Work to complete
In the material below, find every line containing "panel" and copy that line.

Record set
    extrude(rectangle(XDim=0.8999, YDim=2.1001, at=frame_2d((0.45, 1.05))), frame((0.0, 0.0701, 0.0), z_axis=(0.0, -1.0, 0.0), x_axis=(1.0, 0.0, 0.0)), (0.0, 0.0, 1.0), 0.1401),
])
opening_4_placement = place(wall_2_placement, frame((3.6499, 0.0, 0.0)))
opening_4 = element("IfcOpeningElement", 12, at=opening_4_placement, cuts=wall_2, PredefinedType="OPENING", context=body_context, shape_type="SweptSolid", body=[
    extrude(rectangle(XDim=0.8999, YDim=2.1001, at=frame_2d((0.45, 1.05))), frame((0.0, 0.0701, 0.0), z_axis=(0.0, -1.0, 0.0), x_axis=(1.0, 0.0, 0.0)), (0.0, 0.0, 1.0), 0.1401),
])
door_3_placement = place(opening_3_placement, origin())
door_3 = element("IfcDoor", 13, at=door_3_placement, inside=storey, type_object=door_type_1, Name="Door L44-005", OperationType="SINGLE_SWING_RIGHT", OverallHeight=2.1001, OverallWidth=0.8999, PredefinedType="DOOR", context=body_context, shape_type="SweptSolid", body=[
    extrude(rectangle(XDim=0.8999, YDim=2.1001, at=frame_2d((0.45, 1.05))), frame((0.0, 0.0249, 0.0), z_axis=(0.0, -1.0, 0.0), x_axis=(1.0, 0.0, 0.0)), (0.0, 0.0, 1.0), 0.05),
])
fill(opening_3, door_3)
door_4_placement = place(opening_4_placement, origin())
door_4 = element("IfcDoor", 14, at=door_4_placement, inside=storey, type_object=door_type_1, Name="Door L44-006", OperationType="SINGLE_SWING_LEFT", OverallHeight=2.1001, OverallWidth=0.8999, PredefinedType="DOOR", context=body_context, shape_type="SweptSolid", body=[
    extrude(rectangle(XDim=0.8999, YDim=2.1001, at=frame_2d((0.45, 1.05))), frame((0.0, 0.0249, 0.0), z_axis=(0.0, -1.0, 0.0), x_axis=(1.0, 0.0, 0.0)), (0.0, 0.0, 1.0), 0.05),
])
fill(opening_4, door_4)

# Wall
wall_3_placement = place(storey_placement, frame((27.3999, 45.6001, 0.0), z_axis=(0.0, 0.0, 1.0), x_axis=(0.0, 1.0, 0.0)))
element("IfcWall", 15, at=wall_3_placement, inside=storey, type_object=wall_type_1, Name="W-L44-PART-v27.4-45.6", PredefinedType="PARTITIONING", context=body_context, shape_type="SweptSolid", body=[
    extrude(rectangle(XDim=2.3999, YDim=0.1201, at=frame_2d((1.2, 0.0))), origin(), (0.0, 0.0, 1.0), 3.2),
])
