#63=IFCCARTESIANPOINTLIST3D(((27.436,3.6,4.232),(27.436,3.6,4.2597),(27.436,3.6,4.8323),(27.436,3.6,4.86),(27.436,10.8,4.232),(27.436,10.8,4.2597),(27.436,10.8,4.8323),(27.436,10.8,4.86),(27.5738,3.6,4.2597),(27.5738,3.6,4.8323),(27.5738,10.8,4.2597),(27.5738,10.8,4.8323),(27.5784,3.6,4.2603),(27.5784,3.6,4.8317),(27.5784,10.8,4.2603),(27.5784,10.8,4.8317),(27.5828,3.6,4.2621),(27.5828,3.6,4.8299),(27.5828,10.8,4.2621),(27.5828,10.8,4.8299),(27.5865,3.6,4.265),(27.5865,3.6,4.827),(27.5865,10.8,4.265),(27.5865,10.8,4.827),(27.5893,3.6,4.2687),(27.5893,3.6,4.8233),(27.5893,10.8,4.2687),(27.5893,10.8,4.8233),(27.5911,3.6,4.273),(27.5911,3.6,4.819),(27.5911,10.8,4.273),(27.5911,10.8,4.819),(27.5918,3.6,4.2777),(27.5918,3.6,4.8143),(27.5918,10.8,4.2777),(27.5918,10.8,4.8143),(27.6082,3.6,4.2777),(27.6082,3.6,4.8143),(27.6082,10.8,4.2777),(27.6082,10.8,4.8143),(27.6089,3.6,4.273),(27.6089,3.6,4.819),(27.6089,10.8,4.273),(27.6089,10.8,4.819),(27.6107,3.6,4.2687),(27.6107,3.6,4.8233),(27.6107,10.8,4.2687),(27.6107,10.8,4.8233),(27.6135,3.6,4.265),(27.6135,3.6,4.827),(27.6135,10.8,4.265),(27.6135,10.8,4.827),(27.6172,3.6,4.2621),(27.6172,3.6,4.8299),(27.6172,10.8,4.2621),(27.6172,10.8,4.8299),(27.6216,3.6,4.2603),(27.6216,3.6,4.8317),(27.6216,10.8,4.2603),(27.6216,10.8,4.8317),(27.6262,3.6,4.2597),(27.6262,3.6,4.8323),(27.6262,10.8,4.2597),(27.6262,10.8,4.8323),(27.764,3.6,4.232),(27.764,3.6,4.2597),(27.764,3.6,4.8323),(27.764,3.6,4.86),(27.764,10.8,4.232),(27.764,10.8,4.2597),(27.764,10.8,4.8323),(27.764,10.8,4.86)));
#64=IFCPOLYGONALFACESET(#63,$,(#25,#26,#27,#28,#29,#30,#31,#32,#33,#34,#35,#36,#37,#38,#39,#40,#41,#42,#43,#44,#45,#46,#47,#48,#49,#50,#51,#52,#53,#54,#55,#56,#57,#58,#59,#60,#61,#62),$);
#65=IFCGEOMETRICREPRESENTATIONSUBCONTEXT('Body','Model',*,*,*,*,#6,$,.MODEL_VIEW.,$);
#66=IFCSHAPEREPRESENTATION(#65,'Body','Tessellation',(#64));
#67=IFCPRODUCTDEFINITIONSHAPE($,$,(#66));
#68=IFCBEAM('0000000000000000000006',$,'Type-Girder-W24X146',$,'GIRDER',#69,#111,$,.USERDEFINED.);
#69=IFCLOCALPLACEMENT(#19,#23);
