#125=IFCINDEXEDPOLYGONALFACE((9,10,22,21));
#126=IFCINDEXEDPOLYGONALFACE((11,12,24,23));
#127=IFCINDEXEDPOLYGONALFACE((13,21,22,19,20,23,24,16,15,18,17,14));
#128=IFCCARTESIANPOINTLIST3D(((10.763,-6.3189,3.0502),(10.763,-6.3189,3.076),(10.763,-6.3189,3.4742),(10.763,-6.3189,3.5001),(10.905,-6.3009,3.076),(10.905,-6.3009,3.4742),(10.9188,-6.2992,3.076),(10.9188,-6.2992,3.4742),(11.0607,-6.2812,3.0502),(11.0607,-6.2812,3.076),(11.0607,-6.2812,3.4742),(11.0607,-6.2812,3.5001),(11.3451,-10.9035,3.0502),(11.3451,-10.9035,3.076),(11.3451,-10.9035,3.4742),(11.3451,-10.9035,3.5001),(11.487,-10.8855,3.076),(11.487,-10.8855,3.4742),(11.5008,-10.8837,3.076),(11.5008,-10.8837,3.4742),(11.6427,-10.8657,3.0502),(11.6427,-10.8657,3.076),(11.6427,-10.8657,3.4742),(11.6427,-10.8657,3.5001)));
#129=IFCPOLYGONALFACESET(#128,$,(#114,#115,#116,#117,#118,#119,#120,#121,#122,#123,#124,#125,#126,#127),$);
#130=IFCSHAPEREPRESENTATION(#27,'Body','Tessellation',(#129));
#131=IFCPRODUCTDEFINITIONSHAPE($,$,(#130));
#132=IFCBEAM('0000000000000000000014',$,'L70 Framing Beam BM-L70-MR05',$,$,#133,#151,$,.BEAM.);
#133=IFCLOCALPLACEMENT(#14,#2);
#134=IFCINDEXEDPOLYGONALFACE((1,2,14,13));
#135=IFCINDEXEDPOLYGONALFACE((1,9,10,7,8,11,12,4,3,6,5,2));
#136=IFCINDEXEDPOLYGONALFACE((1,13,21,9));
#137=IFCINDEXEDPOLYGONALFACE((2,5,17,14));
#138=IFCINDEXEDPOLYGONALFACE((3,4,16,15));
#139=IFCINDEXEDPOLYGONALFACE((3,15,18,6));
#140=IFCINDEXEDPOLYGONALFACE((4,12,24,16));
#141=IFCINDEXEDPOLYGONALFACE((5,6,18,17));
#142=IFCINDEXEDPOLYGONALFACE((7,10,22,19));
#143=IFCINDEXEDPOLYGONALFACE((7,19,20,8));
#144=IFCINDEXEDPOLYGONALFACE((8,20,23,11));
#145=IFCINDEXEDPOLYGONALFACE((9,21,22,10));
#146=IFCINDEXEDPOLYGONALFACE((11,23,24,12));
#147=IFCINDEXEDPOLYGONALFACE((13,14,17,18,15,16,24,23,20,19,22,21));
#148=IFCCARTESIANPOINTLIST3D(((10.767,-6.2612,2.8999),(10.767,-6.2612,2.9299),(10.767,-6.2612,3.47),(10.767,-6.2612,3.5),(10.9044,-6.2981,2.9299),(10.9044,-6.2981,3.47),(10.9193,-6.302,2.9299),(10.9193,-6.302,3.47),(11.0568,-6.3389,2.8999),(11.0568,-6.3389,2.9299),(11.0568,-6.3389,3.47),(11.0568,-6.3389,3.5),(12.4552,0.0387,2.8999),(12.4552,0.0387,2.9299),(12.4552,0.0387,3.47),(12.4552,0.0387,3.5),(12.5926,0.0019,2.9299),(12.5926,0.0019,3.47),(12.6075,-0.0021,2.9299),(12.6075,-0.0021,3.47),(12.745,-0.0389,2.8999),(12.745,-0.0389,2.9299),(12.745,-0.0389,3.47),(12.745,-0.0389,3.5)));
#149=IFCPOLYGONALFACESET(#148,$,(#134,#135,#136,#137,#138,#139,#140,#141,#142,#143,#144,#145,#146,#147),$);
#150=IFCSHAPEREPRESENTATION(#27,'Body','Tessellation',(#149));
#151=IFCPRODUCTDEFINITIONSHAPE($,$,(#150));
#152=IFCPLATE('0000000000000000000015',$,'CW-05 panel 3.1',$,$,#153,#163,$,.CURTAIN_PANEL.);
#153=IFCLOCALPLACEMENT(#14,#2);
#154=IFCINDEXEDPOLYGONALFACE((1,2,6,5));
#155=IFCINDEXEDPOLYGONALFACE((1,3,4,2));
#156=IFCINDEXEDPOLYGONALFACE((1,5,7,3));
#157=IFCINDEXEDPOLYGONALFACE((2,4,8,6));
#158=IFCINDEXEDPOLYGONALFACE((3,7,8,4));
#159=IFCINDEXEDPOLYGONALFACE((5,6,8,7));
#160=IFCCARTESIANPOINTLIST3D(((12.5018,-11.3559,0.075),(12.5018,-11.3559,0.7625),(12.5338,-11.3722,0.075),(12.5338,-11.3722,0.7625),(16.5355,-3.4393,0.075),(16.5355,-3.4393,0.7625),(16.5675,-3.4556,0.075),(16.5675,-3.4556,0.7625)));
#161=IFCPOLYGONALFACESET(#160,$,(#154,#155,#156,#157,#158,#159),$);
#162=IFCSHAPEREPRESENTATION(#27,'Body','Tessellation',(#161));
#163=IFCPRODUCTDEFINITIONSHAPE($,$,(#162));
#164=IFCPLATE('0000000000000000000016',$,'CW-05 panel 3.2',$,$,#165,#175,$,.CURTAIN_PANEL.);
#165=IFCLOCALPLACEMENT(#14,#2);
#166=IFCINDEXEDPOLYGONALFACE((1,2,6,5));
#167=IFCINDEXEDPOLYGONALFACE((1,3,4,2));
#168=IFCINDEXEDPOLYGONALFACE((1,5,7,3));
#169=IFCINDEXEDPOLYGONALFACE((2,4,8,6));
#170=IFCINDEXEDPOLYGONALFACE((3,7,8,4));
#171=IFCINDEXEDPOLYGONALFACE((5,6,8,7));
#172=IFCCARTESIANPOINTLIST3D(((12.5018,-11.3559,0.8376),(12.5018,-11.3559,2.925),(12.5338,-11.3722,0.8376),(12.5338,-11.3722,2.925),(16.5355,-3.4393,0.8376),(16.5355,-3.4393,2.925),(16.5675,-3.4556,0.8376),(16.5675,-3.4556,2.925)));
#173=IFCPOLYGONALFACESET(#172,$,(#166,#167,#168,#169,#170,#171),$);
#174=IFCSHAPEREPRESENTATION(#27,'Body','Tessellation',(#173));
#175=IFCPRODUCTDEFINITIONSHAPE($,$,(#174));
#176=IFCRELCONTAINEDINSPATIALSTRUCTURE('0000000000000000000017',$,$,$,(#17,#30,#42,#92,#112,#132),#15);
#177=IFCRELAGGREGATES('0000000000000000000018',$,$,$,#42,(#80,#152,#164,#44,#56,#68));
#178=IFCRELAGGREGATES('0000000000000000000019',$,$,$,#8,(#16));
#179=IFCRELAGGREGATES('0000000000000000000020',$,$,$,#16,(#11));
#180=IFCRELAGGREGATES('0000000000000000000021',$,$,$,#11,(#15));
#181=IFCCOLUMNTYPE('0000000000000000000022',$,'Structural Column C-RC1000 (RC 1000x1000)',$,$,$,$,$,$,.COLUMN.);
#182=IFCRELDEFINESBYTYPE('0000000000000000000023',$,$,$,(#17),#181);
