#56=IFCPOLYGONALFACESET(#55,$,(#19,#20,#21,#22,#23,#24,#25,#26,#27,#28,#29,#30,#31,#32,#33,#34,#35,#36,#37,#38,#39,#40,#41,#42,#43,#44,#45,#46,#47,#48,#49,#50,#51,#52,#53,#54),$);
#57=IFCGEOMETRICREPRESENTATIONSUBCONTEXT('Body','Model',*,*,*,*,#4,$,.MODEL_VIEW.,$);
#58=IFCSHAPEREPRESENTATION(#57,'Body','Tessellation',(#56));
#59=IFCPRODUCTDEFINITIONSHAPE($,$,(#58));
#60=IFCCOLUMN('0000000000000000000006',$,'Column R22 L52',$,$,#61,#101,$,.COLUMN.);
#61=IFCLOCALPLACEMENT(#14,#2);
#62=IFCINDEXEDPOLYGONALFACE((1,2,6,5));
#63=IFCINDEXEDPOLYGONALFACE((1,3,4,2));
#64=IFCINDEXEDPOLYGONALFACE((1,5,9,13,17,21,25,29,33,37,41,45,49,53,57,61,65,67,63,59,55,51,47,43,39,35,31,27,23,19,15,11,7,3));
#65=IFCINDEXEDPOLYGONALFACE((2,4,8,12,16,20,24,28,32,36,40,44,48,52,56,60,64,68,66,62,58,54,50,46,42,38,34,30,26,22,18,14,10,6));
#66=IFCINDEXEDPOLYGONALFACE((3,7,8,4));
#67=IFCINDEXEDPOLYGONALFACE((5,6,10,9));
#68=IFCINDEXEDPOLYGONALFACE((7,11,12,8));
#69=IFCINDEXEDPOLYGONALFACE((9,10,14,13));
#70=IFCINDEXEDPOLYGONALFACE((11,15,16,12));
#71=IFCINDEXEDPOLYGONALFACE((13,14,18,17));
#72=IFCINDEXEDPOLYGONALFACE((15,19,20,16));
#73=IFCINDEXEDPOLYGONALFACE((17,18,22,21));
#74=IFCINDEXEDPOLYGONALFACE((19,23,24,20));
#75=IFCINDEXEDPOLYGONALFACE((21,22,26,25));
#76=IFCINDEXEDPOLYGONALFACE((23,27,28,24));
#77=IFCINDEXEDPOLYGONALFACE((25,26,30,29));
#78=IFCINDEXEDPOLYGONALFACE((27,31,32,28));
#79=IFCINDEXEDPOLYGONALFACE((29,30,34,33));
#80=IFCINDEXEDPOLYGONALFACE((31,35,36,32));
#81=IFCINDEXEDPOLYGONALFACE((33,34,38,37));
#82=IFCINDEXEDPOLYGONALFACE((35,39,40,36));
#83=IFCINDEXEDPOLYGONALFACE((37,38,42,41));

Your solution
#152=IFCPLATE('0000000000000000000015',$,'CW-05 panel 3.1',$,$,#153,#163,$,.CURTAIN_PANEL.);
#164=IFCPLATE('0000000000000000000016',$,'CW-05 panel 3.2',$,$,#165,#175,$,.CURTAIN_PANEL.);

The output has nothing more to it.